> WORK INSTRUCTIONS:
What you need to do is retype every entry exactly as written.

[Stored data]

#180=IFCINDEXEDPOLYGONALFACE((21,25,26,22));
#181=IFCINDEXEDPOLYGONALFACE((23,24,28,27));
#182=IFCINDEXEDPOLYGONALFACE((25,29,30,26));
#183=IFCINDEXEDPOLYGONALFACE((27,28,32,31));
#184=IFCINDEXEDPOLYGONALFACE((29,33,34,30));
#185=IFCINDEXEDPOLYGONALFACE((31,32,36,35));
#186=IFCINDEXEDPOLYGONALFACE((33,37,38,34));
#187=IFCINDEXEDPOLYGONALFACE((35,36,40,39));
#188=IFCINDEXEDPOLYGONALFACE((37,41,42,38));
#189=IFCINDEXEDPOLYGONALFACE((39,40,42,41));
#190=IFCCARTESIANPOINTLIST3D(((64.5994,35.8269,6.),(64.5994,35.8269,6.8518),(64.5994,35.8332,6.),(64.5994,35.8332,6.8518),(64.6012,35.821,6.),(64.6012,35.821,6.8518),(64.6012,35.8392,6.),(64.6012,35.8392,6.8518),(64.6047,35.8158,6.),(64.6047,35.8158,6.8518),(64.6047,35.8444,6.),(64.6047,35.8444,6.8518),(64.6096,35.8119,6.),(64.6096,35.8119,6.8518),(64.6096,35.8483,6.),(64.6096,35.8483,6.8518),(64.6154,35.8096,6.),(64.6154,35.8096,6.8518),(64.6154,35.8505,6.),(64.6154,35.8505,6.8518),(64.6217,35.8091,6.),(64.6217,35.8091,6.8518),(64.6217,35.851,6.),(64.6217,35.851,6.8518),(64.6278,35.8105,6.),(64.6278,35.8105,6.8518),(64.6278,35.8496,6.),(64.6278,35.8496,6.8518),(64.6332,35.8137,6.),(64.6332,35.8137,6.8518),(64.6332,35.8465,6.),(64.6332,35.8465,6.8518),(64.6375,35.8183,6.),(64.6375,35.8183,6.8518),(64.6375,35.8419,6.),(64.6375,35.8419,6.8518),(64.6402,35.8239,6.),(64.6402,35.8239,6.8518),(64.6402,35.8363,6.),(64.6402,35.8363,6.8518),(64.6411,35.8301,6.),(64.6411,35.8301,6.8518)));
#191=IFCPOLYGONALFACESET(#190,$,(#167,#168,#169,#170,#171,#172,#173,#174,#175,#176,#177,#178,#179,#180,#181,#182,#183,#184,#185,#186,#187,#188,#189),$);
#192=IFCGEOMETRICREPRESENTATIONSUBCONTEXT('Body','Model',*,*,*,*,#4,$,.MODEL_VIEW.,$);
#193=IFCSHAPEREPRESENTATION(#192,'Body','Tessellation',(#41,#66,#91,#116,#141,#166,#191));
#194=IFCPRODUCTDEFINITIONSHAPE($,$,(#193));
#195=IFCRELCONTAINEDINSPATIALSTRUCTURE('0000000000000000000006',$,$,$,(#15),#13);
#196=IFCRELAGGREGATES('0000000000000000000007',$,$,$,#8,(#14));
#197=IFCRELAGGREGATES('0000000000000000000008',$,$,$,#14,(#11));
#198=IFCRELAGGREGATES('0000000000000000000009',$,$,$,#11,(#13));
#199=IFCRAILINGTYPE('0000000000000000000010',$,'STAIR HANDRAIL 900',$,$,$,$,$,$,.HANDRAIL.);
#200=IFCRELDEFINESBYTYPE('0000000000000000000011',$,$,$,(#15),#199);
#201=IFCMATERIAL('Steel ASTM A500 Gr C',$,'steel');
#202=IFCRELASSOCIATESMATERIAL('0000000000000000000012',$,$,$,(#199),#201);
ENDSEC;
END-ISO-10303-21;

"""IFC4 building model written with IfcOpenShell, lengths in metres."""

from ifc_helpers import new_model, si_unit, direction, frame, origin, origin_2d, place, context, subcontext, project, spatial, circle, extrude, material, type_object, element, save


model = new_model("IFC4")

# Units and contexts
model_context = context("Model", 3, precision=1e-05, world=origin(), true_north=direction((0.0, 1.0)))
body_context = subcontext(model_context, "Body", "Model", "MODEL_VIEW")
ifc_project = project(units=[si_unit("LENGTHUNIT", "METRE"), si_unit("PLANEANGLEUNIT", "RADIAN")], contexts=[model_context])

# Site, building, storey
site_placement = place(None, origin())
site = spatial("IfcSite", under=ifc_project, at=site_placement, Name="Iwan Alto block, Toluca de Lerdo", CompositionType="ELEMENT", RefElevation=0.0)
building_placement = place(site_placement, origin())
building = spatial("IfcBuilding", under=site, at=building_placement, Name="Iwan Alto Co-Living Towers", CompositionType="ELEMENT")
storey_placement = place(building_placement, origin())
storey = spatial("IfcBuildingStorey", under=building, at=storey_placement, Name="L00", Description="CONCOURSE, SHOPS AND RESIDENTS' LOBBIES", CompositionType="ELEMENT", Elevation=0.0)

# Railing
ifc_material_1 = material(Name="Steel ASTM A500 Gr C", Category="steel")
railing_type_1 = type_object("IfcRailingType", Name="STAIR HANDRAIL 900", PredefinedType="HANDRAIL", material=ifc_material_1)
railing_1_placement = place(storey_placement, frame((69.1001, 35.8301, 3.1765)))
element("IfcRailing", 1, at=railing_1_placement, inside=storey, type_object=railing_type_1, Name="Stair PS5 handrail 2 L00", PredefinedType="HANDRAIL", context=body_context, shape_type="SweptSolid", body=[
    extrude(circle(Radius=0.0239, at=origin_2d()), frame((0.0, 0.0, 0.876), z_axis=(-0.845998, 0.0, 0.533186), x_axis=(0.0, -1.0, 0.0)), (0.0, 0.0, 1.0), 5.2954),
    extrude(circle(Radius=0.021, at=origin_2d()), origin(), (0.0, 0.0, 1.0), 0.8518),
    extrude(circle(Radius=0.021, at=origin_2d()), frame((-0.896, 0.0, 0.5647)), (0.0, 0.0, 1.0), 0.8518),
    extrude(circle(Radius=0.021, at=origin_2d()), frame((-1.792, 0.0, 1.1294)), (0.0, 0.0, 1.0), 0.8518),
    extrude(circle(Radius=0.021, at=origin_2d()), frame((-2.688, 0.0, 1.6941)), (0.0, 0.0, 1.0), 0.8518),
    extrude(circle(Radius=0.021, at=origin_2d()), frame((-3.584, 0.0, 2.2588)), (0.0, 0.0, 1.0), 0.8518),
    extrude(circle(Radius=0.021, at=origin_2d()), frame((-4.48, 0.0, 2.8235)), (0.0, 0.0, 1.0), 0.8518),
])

> ANSWER BOX:
#180=IFCINDEXEDPOLYGONALFACE((21,25,26,22));
#181=IFCINDEXEDPOLYGONALFACE((23,24,28,27));
#182=IFCINDEXEDPOLYGONALFACE((25,29,30,26));
#183=IFCINDEXEDPOLYGONALFACE((27,28,32,31));
#184=IFCINDEXEDPOLYGONALFACE((29,33,34,30));
#185=IFCINDEXEDPOLYGONALFACE((31,32,36,35));
#186=IFCINDEXEDPOLYGONALFACE((33,37,38,34));
#187=IFCINDEXEDPOLYGONALFACE((35,36,40,39));
#188=IFCINDEXEDPOLYGONALFACE((37,41,42,38));
#189=IFCINDEXEDPOLYGONALFACE((39,40,42,41));
#190=IFCCARTESIANPOINTLIST3D(((64.5994,35.8269,6.),(64.5994,35.8269,6.8518),(64.5994,35.8332,6.),(64.5994,35.8332,6.8518),(64.6012,35.821,6.),(64.6012,35.821,6.8518),(64.6012,35.8392,6.),(64.6012,35.8392,6.8518),(64.6047,35.8158,6.),(64.6047,35.8158,6.8518),(64.6047,35.8444,6.),(64.6047,35.8444,6.8518),(64.6096,35.8119,6.),(64.6096,35.8119,6.8518),(64.6096,35.8483,6.),(64.6096,35.8483,6.8518),(64.6154,35.8096,6.),(64.6154,35.8096,6.8518),(64.6154,35.8505,6.),(64.6154,35.8505,6.8518),(64.6217,35.8091,6.),(64.6217,35.8091,6.8518),(64.6217,35.851,6.),(64.6217,35.851,6.8518),(64.6278,35.8105,6.),(64.6278,35.8105,6.8518),(64.6278,35.8496,6.),(64.6278,35.8496,6.8518),(64.6332,35.8137,6.),(64.6332,35.8137,6.8518),(64.6332,35.8465,6.),(64.6332,35.8465,6.8518),(64.6375,35.8183,6.),(64.6375,35.8183,6.8518),(64.6375,35.8419,6.),(64.6375,35.8419,6.8518),(64.6402,35.8239,6.),(64.6402,35.8239,6.8518),(64.6402,35.8363,6.),(64.6402,35.8363,6.8518),(64.6411,35.8301,6.),(64.6411,35.8301,6.8518)));
#191=IFCPOLYGONALFACESET(#190,$,(#167,#168,#169,#170,#171,#172,#173,#174,#175,#176,#177,#178,#179,#180,#181,#182,#183,#184,#185,#186,#187,#188,#189),$);
#192=IFCGEOMETRICREPRESENTATIONSUBCONTEXT('Body','Model',*,*,*,*,#4,$,.MODEL_VIEW.,$);
#193=IFCSHAPEREPRESENTATION(#192,'Body','Tessellation',(#41,#66,#91,#116,#141,#166,#191));
#194=IFCPRODUCTDEFINITIONSHAPE($,$,(#193));
#195=IFCRELCONTAINEDINSPATIALSTRUCTURE('0000000000000000000006',$,$,$,(#15),#13);
#196=IFCRELAGGREGATES('0000000000000000000007',$,$,$,#8,(#14));
#197=IFCRELAGGREGATES('0000000000000000000008',$,$,$,#14,(#11));
#198=IFCRELAGGREGATES('0000000000000000000009',$,$,$,#11,(#13));
#199=IFCRAILINGTYPE('0000000000000000000010',$,'STAIR HANDRAIL 900',$,$,$,$,$,$,.HANDRAIL.);
#200=IFCRELDEFINESBYTYPE('0000000000000000000011',$,$,$,(#15),#199);
#201=IFCMATERIAL('Steel ASTM A500 Gr C',$,'steel');
#202=IFCRELASSOCIATESMATERIAL('0000000000000000000012',$,$,$,(#199),#201);
ENDSEC;
END-ISO-10303-21;

"""IFC4 building model written with IfcOpenShell, lengths in metres."""

from ifc_helpers import new_model, si_unit, direction, frame, origin, origin_2d, place, context, subcontext, project, spatial, circle, extrude, material, type_object, element, save


model = new_model("IFC4")

# Units and contexts
model_context = context("Model", 3, precision=1e-05, world=origin(), true_north=direction((0.0, 1.0)))
body_context = subcontext(model_context, "Body", "Model", "MODEL_VIEW")
ifc_project = project(units=[si_unit("LENGTHUNIT", "METRE"), si_unit("PLANEANGLEUNIT", "RADIAN")], contexts=[model_context])

# Site, building, storey
site_placement = place(None, origin())
site = spatial("IfcSite", under=ifc_project, at=site_placement, Name="Iwan Alto block, Toluca de Lerdo", CompositionType="ELEMENT", RefElevation=0.0)
building_placement = place(site_placement, origin())
building = spatial("IfcBuilding", under=site, at=building_placement, Name="Iwan Alto Co-Living Towers", CompositionType="ELEMENT")
storey_placement = place(building_placement, origin())
storey = spatial("IfcBuildingStorey", under=building, at=storey_placement, Name="L00", Description="CONCOURSE, SHOPS AND RESIDENTS' LOBBIES", CompositionType="ELEMENT", Elevation=0.0)

# Railing
ifc_material_1 = material(Name="Steel ASTM A500 Gr C", Category="steel")
railing_type_1 = type_object("IfcRailingType", Name="STAIR HANDRAIL 900", PredefinedType="HANDRAIL", material=ifc_material_1)
railing_1_placement = place(storey_placement, frame((69.1001, 35.8301, 3.1765)))
element("IfcRailing", 1, at=railing_1_placement, inside=storey, type_object=railing_type_1, Name="Stair PS5 handrail 2 L00", PredefinedType="HANDRAIL", context=body_context, shape_type="SweptSolid", body=[
    extrude(circle(Radius=0.0239, at=origin_2d()), frame((0.0, 0.0, 0.876), z_axis=(-0.845998, 0.0, 0.533186), x_axis=(0.0, -1.0, 0.0)), (0.0, 0.0, 1.0), 5.2954),
    extrude(circle(Radius=0.021, at=origin_2d()), origin(), (0.0, 0.0, 1.0), 0.8518),
    extrude(circle(Radius=0.021, at=origin_2d()), frame((-0.896, 0.0, 0.5647)), (0.0, 0.0, 1.0), 0.8518),
    extrude(circle(Radius=0.021, at=origin_2d()), frame((-1.792, 0.0, 1.1294)), (0.0, 0.0, 1.0), 0.8518),
    extrude(circle(Radius=0.021, at=origin_2d()), frame((-2.688, 0.0, 1.6941)), (0.0, 0.0, 1.0), 0.8518),
    extrude(circle(Radius=0.021, at=origin_2d()), frame((-3.584, 0.0, 2.2588)), (0.0, 0.0, 1.0), 0.8518),
    extrude(circle(Radius=0.021, at=origin_2d()), frame((-4.48, 0.0, 2.8235)), (0.0, 0.0, 1.0), 0.8518),
])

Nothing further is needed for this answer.